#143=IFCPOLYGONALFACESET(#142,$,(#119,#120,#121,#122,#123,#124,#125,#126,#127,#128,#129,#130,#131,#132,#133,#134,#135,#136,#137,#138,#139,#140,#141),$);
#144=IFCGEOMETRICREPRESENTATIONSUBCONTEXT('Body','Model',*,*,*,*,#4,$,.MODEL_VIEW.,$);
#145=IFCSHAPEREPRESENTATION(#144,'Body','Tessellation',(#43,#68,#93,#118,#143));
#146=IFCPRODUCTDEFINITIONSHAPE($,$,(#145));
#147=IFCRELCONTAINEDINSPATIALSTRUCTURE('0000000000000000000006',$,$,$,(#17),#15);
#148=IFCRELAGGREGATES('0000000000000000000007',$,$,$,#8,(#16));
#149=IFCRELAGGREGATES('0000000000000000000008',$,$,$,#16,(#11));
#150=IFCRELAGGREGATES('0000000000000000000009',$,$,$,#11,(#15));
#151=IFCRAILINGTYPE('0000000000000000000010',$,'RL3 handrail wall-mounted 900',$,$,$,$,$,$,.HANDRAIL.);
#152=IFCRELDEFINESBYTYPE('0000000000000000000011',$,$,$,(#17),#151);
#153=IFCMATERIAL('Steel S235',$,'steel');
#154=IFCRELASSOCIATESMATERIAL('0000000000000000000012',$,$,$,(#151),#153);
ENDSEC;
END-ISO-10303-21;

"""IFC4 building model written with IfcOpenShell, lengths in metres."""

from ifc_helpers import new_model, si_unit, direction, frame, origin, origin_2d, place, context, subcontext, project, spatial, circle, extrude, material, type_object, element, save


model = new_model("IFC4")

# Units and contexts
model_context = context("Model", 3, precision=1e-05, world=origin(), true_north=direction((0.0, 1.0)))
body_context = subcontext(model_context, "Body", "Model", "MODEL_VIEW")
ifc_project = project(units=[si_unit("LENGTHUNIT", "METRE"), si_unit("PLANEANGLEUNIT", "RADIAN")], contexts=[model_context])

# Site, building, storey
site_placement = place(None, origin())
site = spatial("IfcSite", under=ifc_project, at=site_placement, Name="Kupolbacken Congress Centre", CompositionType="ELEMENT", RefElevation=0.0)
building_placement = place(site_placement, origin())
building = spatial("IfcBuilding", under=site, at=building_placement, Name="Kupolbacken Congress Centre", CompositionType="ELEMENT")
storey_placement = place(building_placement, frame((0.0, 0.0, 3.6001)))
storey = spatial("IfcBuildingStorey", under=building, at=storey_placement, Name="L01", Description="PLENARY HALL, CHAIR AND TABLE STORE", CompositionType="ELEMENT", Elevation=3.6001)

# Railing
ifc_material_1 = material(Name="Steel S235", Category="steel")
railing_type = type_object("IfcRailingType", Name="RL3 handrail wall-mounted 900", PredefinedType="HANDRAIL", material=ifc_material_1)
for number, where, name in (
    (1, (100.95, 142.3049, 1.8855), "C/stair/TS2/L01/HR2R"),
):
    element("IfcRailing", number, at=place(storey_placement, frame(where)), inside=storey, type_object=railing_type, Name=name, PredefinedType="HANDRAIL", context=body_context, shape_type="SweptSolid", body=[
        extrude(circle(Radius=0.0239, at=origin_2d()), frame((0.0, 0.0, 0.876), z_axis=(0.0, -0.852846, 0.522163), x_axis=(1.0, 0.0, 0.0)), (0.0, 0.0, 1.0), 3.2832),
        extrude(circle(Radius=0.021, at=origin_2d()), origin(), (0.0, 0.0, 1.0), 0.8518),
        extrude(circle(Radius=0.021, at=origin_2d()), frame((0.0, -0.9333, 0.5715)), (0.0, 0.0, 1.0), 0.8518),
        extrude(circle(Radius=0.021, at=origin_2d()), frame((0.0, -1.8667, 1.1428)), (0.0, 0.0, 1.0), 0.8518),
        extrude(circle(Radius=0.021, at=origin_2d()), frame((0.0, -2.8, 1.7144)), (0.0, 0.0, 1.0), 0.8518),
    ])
▬▬▬▬▬▬▬▬▬▬
Activity: Each line from the top of the data, up to and including the line that contains "from ifc_helpers import", should be set down exactly.

Reply to the task:
#143=IFCPOLYGONALFACESET(#142,$,(#119,#120,#121,#122,#123,#124,#125,#126,#127,#128,#129,#130,#131,#132,#133,#134,#135,#136,#137,#138,#139,#140,#141),$);
#144=IFCGEOMETRICREPRESENTATIONSUBCONTEXT('Body','Model',*,*,*,*,#4,$,.MODEL_VIEW.,$);
#145=IFCSHAPEREPRESENTATION(#144,'Body','Tessellation',(#43,#68,#93,#118,#143));
#146=IFCPRODUCTDEFINITIONSHAPE($,$,(#145));
#147=IFCRELCONTAINEDINSPATIALSTRUCTURE('0000000000000000000006',$,$,$,(#17),#15);
#148=IFCRELAGGREGATES('0000000000000000000007',$,$,$,#8,(#16));
#149=IFCRELAGGREGATES('0000000000000000000008',$,$,$,#16,(#11));
#150=IFCRELAGGREGATES('0000000000000000000009',$,$,$,#11,(#15));
#151=IFCRAILINGTYPE('0000000000000000000010',$,'RL3 handrail wall-mounted 900',$,$,$,$,$,$,.HANDRAIL.);
#152=IFCRELDEFINESBYTYPE('0000000000000000000011',$,$,$,(#17),#151);
#153=IFCMATERIAL('Steel S235',$,'steel');
#154=IFCRELASSOCIATESMATERIAL('0000000000000000000012',$,$,$,(#151),#153);
ENDSEC;
END-ISO-10303-21;

"""IFC4 building model written with IfcOpenShell, lengths in metres."""

from ifc_helpers import new_model, si_unit, direction, frame, origin, origin_2d, place, context, subcontext, project, spatial, circle, extrude, material, type_object, element, save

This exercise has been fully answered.